=== Begin Enclosure ===

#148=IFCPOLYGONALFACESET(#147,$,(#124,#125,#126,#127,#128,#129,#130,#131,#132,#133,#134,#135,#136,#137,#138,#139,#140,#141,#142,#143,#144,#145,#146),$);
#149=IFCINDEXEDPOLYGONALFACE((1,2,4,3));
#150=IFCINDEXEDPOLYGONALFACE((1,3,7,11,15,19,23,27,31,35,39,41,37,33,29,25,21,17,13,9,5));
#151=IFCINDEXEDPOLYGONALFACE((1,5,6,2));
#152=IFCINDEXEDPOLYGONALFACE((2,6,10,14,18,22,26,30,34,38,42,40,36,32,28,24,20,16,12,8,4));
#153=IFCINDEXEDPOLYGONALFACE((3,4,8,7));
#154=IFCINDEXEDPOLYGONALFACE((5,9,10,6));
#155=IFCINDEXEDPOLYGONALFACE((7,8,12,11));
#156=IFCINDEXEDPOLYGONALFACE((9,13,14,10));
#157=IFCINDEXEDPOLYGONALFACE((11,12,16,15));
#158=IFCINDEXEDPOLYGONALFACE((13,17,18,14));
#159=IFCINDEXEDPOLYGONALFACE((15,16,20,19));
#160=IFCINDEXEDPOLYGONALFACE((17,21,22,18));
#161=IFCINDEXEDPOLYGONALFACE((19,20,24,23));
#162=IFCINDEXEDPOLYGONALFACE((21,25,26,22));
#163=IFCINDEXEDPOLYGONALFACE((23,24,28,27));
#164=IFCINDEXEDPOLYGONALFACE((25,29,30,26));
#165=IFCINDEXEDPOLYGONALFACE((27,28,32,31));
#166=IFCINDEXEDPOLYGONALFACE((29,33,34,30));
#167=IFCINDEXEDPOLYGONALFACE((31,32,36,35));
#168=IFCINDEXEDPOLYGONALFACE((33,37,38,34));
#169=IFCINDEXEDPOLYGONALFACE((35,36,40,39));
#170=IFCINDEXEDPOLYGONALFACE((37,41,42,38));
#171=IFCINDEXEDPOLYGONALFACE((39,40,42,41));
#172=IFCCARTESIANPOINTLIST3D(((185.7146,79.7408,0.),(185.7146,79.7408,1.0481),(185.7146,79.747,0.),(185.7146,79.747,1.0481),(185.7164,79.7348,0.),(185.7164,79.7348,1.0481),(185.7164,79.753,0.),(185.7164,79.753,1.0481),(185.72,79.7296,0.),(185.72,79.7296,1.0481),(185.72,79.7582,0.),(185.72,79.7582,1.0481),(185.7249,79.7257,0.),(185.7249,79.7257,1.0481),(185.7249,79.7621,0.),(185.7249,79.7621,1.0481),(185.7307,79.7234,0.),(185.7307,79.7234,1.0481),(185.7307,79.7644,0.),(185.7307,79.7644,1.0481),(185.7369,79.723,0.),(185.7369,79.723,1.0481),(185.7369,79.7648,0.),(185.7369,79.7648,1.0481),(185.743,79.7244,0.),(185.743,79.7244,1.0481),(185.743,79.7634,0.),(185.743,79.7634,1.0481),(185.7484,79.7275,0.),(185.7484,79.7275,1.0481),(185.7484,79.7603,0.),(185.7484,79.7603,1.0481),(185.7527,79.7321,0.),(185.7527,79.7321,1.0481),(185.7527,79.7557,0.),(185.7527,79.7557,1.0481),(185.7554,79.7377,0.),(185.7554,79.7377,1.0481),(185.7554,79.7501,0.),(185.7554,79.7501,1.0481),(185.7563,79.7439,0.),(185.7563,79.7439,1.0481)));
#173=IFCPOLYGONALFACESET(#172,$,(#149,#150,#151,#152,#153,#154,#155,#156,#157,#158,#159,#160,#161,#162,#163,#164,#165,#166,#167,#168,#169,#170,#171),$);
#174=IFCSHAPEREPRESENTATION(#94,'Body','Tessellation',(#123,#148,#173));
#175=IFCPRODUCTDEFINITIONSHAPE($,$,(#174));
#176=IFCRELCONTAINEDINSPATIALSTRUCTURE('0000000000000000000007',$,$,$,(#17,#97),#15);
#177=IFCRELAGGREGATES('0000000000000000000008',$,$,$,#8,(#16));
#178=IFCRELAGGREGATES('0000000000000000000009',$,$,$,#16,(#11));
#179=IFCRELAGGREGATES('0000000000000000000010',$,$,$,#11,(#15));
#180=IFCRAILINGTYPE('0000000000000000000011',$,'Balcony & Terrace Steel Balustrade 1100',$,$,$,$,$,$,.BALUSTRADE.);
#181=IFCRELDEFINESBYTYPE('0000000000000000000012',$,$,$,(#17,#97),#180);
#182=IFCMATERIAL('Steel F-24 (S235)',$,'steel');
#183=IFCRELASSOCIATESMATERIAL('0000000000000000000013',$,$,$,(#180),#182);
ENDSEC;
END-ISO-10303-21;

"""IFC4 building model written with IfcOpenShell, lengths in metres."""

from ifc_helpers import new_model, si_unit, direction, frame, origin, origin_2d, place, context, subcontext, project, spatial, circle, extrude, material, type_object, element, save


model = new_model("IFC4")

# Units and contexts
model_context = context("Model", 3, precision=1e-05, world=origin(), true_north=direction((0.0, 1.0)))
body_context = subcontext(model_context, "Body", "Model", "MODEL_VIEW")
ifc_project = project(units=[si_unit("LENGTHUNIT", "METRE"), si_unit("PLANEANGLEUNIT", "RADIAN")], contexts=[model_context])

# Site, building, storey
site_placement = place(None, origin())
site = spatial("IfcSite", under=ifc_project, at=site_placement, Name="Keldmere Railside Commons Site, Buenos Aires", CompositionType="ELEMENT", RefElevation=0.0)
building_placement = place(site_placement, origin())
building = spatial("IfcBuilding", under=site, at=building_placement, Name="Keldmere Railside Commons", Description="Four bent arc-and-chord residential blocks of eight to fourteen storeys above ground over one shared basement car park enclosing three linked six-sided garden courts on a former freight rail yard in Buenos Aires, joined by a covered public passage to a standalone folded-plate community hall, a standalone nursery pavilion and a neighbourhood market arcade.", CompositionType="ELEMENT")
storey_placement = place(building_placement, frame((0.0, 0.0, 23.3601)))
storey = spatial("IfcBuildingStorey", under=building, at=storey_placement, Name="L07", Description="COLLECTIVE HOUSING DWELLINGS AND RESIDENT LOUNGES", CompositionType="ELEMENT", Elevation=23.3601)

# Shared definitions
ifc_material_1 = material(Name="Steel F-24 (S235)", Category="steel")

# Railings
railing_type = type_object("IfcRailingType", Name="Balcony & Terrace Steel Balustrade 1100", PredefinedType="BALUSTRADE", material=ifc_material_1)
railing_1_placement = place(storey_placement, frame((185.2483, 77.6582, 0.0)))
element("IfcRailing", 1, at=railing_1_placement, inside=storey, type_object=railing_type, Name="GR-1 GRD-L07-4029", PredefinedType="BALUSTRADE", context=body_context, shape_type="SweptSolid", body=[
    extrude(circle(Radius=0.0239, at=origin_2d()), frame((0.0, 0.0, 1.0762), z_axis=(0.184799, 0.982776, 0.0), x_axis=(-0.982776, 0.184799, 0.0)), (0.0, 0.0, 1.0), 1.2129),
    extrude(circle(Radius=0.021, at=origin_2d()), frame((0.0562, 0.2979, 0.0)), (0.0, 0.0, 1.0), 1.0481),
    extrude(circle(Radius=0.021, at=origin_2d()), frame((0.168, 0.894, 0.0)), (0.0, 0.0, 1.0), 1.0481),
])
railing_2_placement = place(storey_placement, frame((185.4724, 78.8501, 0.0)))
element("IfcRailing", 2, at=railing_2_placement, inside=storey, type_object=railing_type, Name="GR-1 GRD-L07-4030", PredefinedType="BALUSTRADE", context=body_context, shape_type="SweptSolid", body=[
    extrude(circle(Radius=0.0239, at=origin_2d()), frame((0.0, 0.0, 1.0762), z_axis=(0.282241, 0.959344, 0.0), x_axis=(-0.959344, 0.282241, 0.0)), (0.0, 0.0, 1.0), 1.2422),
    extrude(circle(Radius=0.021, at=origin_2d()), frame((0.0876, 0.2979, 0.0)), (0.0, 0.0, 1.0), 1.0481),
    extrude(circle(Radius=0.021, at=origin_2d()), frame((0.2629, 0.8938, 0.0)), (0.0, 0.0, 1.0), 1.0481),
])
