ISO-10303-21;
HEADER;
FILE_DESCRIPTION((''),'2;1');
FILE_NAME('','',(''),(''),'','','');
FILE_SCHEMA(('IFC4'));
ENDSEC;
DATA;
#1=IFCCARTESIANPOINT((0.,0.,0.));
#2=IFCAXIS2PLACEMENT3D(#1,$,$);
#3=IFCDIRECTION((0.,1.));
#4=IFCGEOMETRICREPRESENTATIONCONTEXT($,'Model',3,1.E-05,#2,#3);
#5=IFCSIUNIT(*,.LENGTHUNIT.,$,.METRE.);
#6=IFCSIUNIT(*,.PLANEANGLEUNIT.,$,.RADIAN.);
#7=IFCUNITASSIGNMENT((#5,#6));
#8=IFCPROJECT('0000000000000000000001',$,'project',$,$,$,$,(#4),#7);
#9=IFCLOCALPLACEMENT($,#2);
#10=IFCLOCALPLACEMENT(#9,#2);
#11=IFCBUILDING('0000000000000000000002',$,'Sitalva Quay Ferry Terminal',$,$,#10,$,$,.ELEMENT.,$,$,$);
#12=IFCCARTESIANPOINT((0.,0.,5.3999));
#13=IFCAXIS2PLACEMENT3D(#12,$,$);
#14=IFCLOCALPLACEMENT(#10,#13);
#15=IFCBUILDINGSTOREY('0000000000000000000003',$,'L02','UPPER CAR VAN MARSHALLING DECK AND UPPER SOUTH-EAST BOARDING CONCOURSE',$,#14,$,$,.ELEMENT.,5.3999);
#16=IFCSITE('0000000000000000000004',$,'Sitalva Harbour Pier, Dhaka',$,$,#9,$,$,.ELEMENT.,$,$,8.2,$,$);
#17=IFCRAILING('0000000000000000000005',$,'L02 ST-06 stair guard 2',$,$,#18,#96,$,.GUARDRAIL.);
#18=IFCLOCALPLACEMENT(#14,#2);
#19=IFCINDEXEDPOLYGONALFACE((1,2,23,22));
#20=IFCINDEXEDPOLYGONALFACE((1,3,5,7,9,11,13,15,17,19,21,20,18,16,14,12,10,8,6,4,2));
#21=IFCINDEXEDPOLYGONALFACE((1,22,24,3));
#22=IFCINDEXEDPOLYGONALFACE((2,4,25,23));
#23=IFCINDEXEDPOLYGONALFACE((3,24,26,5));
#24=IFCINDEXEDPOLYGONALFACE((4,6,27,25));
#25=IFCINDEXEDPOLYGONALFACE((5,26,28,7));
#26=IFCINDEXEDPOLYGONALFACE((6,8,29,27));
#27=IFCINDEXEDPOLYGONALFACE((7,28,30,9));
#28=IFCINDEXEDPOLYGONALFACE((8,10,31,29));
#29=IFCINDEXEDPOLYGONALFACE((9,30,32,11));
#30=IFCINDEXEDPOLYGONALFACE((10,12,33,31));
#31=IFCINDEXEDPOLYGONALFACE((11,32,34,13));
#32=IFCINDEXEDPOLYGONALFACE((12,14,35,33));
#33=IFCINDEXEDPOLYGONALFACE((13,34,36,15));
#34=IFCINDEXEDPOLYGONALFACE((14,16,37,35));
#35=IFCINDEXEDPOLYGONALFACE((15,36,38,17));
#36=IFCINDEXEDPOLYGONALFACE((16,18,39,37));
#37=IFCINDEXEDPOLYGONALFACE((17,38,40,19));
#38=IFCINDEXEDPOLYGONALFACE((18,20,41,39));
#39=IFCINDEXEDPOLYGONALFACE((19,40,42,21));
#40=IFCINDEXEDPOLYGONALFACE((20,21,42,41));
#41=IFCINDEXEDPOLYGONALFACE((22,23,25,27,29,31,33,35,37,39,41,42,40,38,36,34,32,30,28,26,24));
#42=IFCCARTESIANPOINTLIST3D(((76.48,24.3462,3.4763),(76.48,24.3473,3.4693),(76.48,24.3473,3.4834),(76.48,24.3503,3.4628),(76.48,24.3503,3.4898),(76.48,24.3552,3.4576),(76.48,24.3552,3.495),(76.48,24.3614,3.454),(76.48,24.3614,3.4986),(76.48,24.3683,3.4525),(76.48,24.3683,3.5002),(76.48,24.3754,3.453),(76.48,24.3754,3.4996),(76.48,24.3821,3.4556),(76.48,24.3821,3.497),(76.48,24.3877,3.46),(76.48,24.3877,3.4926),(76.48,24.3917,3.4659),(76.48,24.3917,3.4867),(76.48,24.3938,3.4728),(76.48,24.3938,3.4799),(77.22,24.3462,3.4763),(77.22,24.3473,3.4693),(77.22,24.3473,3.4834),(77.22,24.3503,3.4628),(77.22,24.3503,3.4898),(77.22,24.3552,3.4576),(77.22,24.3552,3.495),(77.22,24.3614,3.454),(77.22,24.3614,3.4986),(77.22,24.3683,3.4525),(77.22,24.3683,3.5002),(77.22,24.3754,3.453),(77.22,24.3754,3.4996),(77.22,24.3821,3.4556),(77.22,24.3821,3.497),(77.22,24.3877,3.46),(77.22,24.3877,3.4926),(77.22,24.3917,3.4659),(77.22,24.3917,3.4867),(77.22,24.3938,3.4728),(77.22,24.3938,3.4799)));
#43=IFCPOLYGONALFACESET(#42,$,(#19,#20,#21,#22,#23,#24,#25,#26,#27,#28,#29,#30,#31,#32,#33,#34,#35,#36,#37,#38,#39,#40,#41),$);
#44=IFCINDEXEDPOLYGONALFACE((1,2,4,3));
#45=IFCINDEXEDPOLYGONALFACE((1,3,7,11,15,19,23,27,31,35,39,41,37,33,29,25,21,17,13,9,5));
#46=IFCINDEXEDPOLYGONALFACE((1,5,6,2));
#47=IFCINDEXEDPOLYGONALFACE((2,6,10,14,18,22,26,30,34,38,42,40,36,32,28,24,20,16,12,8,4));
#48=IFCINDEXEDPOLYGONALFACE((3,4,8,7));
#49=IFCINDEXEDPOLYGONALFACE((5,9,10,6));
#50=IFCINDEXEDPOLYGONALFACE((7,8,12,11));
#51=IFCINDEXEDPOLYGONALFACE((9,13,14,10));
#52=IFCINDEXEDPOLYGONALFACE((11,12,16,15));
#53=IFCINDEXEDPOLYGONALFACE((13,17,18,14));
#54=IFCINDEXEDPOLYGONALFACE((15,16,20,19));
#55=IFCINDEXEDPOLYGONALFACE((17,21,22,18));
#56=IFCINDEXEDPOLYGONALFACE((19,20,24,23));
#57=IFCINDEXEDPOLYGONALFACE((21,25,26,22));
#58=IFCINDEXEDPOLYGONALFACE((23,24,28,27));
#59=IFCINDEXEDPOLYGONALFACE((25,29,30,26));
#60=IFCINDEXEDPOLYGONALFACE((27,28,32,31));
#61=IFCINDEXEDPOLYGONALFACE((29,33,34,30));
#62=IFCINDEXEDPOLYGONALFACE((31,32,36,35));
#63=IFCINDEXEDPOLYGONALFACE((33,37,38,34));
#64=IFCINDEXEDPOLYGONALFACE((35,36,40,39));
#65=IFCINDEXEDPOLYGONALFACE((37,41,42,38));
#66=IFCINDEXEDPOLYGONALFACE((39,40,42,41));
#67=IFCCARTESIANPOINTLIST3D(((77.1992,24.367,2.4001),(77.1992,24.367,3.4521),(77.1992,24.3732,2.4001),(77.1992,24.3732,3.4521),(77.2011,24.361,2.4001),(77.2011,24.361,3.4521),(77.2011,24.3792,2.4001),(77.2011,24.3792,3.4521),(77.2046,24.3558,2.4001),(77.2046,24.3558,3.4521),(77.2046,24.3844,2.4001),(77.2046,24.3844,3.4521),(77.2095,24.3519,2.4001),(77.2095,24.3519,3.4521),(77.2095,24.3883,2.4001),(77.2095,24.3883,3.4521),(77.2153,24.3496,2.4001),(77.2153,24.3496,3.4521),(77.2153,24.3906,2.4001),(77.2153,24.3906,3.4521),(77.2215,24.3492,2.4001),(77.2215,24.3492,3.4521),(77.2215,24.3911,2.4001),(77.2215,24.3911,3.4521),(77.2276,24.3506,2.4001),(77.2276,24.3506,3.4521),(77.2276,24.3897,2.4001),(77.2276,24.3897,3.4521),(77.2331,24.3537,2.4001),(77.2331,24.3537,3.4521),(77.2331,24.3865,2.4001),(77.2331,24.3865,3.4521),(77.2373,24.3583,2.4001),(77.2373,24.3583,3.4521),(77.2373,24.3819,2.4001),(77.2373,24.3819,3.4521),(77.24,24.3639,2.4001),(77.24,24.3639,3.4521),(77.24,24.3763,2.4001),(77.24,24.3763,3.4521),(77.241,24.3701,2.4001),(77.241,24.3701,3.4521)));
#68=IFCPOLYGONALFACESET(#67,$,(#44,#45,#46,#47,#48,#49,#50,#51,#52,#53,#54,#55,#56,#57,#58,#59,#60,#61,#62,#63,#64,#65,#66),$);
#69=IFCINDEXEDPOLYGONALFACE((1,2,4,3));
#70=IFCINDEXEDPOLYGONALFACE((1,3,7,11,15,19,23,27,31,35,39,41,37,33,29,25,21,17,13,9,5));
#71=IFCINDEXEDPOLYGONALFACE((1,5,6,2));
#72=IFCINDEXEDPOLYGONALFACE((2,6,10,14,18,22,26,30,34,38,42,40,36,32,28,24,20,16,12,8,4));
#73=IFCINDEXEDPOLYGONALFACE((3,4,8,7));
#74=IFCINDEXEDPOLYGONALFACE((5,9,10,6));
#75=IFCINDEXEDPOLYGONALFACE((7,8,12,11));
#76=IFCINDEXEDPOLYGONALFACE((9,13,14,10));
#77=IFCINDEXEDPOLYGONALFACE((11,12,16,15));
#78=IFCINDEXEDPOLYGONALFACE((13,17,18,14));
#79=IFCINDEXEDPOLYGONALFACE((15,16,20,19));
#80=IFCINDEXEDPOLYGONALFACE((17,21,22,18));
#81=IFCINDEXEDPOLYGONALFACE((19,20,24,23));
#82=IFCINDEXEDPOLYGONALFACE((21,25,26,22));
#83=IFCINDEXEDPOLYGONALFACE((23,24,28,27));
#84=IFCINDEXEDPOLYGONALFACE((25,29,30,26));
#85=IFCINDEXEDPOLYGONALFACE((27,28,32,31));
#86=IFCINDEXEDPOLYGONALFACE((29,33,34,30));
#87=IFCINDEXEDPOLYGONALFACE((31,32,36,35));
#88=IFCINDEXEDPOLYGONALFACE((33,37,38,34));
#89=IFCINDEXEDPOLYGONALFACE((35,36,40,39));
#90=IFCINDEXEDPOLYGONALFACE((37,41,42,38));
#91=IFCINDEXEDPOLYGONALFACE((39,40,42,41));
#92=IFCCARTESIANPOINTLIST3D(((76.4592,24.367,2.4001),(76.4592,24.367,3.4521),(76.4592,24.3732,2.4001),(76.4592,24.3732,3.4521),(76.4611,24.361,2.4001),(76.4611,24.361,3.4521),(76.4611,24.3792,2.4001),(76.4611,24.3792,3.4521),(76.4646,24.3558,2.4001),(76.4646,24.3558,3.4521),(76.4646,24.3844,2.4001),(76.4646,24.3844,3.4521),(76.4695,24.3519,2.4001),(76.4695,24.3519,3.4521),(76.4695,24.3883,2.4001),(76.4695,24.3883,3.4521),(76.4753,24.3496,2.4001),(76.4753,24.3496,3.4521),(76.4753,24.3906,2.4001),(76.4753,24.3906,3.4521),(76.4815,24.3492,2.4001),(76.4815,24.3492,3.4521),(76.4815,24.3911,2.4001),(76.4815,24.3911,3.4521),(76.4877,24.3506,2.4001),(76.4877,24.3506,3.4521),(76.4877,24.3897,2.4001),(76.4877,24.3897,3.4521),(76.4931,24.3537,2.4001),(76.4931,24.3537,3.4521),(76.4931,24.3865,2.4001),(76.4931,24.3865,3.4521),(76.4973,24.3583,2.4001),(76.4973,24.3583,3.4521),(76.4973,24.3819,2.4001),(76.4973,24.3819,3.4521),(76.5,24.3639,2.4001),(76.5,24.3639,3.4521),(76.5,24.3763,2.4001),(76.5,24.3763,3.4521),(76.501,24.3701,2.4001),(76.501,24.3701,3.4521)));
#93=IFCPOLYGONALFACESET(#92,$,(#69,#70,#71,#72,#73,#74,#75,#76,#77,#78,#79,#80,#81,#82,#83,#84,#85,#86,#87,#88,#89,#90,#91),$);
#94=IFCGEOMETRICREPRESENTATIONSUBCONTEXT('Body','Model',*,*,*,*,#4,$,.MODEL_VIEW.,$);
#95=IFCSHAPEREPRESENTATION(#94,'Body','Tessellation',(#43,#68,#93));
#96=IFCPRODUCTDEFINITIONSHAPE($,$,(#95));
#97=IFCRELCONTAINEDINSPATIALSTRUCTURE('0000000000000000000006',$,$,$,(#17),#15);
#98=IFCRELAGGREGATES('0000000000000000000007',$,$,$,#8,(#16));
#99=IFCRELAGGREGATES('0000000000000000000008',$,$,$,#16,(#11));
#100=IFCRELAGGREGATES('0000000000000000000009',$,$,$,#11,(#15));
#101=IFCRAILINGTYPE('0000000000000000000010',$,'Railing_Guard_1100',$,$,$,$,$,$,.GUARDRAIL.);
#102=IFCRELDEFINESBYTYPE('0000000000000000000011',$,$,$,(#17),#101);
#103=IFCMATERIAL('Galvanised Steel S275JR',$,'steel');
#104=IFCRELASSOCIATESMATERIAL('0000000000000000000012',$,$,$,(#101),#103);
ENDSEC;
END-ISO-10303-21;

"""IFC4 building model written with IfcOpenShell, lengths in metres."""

from ifc_helpers import new_model, si_unit, direction, frame, origin, origin_2d, place, context, subcontext, project, spatial, circle, extrude, material, type_object, element, save


model = new_model("IFC4")

# Units and contexts
model_context = context("Model", 3, precision=1e-05, world=origin(), true_north=direction((0.0, 1.0)))
body_context = subcontext(model_context, "Body", "Model", "MODEL_VIEW")
ifc_project = project(units=[si_unit("LENGTHUNIT", "METRE"), si_unit("PLANEANGLEUNIT", "RADIAN")], contexts=[model_context])

# Site, building, storey
site_placement = place(None, origin())
site = spatial("IfcSite", under=ifc_project, at=site_placement, Name="Sitalva Harbour Pier, Dhaka", CompositionType="ELEMENT", RefElevation=8.2)
building_placement = place(site_placement, origin())
building = spatial("IfcBuilding", under=site, at=building_placement, Name="Sitalva Quay Ferry Terminal", CompositionType="ELEMENT")
storey_placement = place(building_placement, frame((0.0, 0.0, 5.3999)))
storey = spatial("IfcBuildingStorey", under=building, at=storey_placement, Name="L02", Description="UPPER CAR VAN MARSHALLING DECK AND UPPER SOUTH-EAST BOARDING CONCOURSE", CompositionType="ELEMENT", Elevation=5.3999)

# Railing
ifc_material_1 = material(Name="Galvanised Steel S275JR", Category="steel")
railing_type_1 = type_object("IfcRailingType", Name="Railing_Guard_1100", PredefinedType="GUARDRAIL", material=ifc_material_1)
railing_1_placement = place(storey_placement, frame((77.22, 24.3701, 2.4001)))
element("IfcRailing", 1, at=railing_1_placement, inside=storey, type_object=railing_type_1, Name="L02 ST-06 stair guard 2", PredefinedType="GUARDRAIL", context=body_context, shape_type="SweptSolid", body=[
    extrude(circle(Radius=0.0239, at=origin_2d()), frame((0.0, 0.0, 1.0762), z_axis=(-1.0, 0.0, 0.0), x_axis=(0.0, -1.0, 0.0)), (0.0, 0.0, 1.0), 0.74),
    extrude(circle(Radius=0.021, at=origin_2d()), origin(), (0.0, 0.0, 1.0), 1.052),
    extrude(circle(Radius=0.021, at=origin_2d()), frame((-0.74, 0.0, 0.0)), (0.0, 0.0, 1.0), 1.052),
])

save(model, "model.ifc")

=== End Enclosure ===

▶ **Assigned task**:
Scan the data, and report each line that uses the word "Aires".

▶ **Response below**:
site = spatial("IfcSite", under=ifc_project, at=site_placement, Name="Keldmere Railside Commons Site, Buenos Aires", CompositionType="ELEMENT", RefElevation=0.0)
building = spatial("IfcBuilding", under=site, at=building_placement, Name="Keldmere Railside Commons", Description="Four bent arc-and-chord residential blocks of eight to fourteen storeys above ground over one shared basement car park enclosing three linked six-sided garden courts on a former freight rail yard in Buenos Aires, joined by a covered public passage to a standalone folded-plate community hall, a standalone nursery pavilion and a neighbourhood market arcade.", CompositionType="ELEMENT")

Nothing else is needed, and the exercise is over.